Exercise objective – What is needed is the complete listing, repeated exactly.

Data listing –
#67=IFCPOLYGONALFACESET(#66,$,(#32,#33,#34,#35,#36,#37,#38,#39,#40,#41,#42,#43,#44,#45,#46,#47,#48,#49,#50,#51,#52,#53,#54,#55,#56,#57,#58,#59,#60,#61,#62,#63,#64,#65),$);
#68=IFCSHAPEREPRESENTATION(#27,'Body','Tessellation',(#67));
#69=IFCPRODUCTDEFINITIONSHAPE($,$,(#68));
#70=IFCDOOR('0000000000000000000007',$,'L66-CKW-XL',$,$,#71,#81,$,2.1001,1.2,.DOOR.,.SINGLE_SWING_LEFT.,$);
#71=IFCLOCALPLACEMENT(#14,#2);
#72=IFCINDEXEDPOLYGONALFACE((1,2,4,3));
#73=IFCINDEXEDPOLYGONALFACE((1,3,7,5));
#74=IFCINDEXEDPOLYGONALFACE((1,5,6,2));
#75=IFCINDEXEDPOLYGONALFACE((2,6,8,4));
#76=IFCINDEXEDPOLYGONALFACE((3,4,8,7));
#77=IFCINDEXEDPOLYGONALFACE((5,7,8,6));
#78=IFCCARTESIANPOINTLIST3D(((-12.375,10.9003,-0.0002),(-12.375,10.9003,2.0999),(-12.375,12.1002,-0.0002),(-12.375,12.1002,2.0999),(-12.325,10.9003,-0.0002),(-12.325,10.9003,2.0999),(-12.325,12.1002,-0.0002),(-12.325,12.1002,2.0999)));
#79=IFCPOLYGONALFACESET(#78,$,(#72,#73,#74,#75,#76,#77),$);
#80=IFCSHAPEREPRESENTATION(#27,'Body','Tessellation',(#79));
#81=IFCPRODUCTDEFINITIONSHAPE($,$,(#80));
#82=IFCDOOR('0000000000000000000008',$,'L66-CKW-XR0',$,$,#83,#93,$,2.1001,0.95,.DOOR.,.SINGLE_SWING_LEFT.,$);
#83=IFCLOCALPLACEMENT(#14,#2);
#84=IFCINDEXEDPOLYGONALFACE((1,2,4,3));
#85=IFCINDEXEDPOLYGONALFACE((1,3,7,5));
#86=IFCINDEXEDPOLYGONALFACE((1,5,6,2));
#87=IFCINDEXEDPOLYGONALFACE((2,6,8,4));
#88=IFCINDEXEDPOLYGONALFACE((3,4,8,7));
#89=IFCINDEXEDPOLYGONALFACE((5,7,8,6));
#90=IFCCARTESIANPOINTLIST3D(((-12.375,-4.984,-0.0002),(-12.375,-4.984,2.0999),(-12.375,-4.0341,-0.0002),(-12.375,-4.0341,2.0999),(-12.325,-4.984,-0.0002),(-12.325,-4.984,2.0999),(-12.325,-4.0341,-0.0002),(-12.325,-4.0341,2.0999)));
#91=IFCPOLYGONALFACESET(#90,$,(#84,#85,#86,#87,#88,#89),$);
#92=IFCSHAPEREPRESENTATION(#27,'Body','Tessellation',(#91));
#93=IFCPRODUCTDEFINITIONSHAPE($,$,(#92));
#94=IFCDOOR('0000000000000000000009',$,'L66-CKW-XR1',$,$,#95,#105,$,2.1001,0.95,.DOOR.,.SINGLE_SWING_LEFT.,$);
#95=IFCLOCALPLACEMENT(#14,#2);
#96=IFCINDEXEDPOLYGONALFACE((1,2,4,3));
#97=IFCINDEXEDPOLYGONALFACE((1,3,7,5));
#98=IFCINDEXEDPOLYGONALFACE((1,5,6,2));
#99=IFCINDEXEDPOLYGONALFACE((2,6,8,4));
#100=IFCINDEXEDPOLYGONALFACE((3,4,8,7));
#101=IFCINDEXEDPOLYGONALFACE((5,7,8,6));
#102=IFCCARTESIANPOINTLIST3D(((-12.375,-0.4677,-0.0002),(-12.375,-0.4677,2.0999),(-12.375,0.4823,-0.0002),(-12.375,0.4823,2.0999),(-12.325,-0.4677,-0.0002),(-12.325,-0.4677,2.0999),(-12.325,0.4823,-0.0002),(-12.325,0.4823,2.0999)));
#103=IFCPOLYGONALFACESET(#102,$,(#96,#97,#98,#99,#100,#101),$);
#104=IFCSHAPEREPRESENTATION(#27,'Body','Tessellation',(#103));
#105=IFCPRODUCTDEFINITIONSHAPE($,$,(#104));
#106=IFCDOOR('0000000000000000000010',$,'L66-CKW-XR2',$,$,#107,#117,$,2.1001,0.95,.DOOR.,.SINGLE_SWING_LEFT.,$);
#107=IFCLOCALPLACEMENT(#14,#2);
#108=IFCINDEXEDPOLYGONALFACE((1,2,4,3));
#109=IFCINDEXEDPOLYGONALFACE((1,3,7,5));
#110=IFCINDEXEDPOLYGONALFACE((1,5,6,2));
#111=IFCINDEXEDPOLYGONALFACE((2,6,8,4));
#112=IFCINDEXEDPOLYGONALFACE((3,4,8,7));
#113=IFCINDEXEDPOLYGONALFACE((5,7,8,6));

Response area –
#67=IFCPOLYGONALFACESET(#66,$,(#32,#33,#34,#35,#36,#37,#38,#39,#40,#41,#42,#43,#44,#45,#46,#47,#48,#49,#50,#51,#52,#53,#54,#55,#56,#57,#58,#59,#60,#61,#62,#63,#64,#65),$);
#68=IFCSHAPEREPRESENTATION(#27,'Body','Tessellation',(#67));
#69=IFCPRODUCTDEFINITIONSHAPE($,$,(#68));
#70=IFCDOOR('0000000000000000000007',$,'L66-CKW-XL',$,$,#71,#81,$,2.1001,1.2,.DOOR.,.SINGLE_SWING_LEFT.,$);
#71=IFCLOCALPLACEMENT(#14,#2);
#72=IFCINDEXEDPOLYGONALFACE((1,2,4,3));
#73=IFCINDEXEDPOLYGONALFACE((1,3,7,5));
#74=IFCINDEXEDPOLYGONALFACE((1,5,6,2));
#75=IFCINDEXEDPOLYGONALFACE((2,6,8,4));
#76=IFCINDEXEDPOLYGONALFACE((3,4,8,7));
#77=IFCINDEXEDPOLYGONALFACE((5,7,8,6));
#78=IFCCARTESIANPOINTLIST3D(((-12.375,10.9003,-0.0002),(-12.375,10.9003,2.0999),(-12.375,12.1002,-0.0002),(-12.375,12.1002,2.0999),(-12.325,10.9003,-0.0002),(-12.325,10.9003,2.0999),(-12.325,12.1002,-0.0002),(-12.325,12.1002,2.0999)));
#79=IFCPOLYGONALFACESET(#78,$,(#72,#73,#74,#75,#76,#77),$);
#80=IFCSHAPEREPRESENTATION(#27,'Body','Tessellation',(#79));
#81=IFCPRODUCTDEFINITIONSHAPE($,$,(#80));
#82=IFCDOOR('0000000000000000000008',$,'L66-CKW-XR0',$,$,#83,#93,$,2.1001,0.95,.DOOR.,.SINGLE_SWING_LEFT.,$);
#83=IFCLOCALPLACEMENT(#14,#2);
#84=IFCINDEXEDPOLYGONALFACE((1,2,4,3));
#85=IFCINDEXEDPOLYGONALFACE((1,3,7,5));
#86=IFCINDEXEDPOLYGONALFACE((1,5,6,2));
#87=IFCINDEXEDPOLYGONALFACE((2,6,8,4));
#88=IFCINDEXEDPOLYGONALFACE((3,4,8,7));
#89=IFCINDEXEDPOLYGONALFACE((5,7,8,6));
#90=IFCCARTESIANPOINTLIST3D(((-12.375,-4.984,-0.0002),(-12.375,-4.984,2.0999),(-12.375,-4.0341,-0.0002),(-12.375,-4.0341,2.0999),(-12.325,-4.984,-0.0002),(-12.325,-4.984,2.0999),(-12.325,-4.0341,-0.0002),(-12.325,-4.0341,2.0999)));
#91=IFCPOLYGONALFACESET(#90,$,(#84,#85,#86,#87,#88,#89),$);
#92=IFCSHAPEREPRESENTATION(#27,'Body','Tessellation',(#91));
#93=IFCPRODUCTDEFINITIONSHAPE($,$,(#92));
#94=IFCDOOR('0000000000000000000009',$,'L66-CKW-XR1',$,$,#95,#105,$,2.1001,0.95,.DOOR.,.SINGLE_SWING_LEFT.,$);
#95=IFCLOCALPLACEMENT(#14,#2);
#96=IFCINDEXEDPOLYGONALFACE((1,2,4,3));
#97=IFCINDEXEDPOLYGONALFACE((1,3,7,5));
#98=IFCINDEXEDPOLYGONALFACE((1,5,6,2));
#99=IFCINDEXEDPOLYGONALFACE((2,6,8,4));
#100=IFCINDEXEDPOLYGONALFACE((3,4,8,7));
#101=IFCINDEXEDPOLYGONALFACE((5,7,8,6));
#102=IFCCARTESIANPOINTLIST3D(((-12.375,-0.4677,-0.0002),(-12.375,-0.4677,2.0999),(-12.375,0.4823,-0.0002),(-12.375,0.4823,2.0999),(-12.325,-0.4677,-0.0002),(-12.325,-0.4677,2.0999),(-12.325,0.4823,-0.0002),(-12.325,0.4823,2.0999)));
#103=IFCPOLYGONALFACESET(#102,$,(#96,#97,#98,#99,#100,#101),$);
#104=IFCSHAPEREPRESENTATION(#27,'Body','Tessellation',(#103));
#105=IFCPRODUCTDEFINITIONSHAPE($,$,(#104));
#106=IFCDOOR('0000000000000000000010',$,'L66-CKW-XR2',$,$,#107,#117,$,2.1001,0.95,.DOOR.,.SINGLE_SWING_LEFT.,$);
#107=IFCLOCALPLACEMENT(#14,#2);
#108=IFCINDEXEDPOLYGONALFACE((1,2,4,3));
#109=IFCINDEXEDPOLYGONALFACE((1,3,7,5));
#110=IFCINDEXEDPOLYGONALFACE((1,5,6,2));
#111=IFCINDEXEDPOLYGONALFACE((2,6,8,4));
#112=IFCINDEXEDPOLYGONALFACE((3,4,8,7));
#113=IFCINDEXEDPOLYGONALFACE((5,7,8,6));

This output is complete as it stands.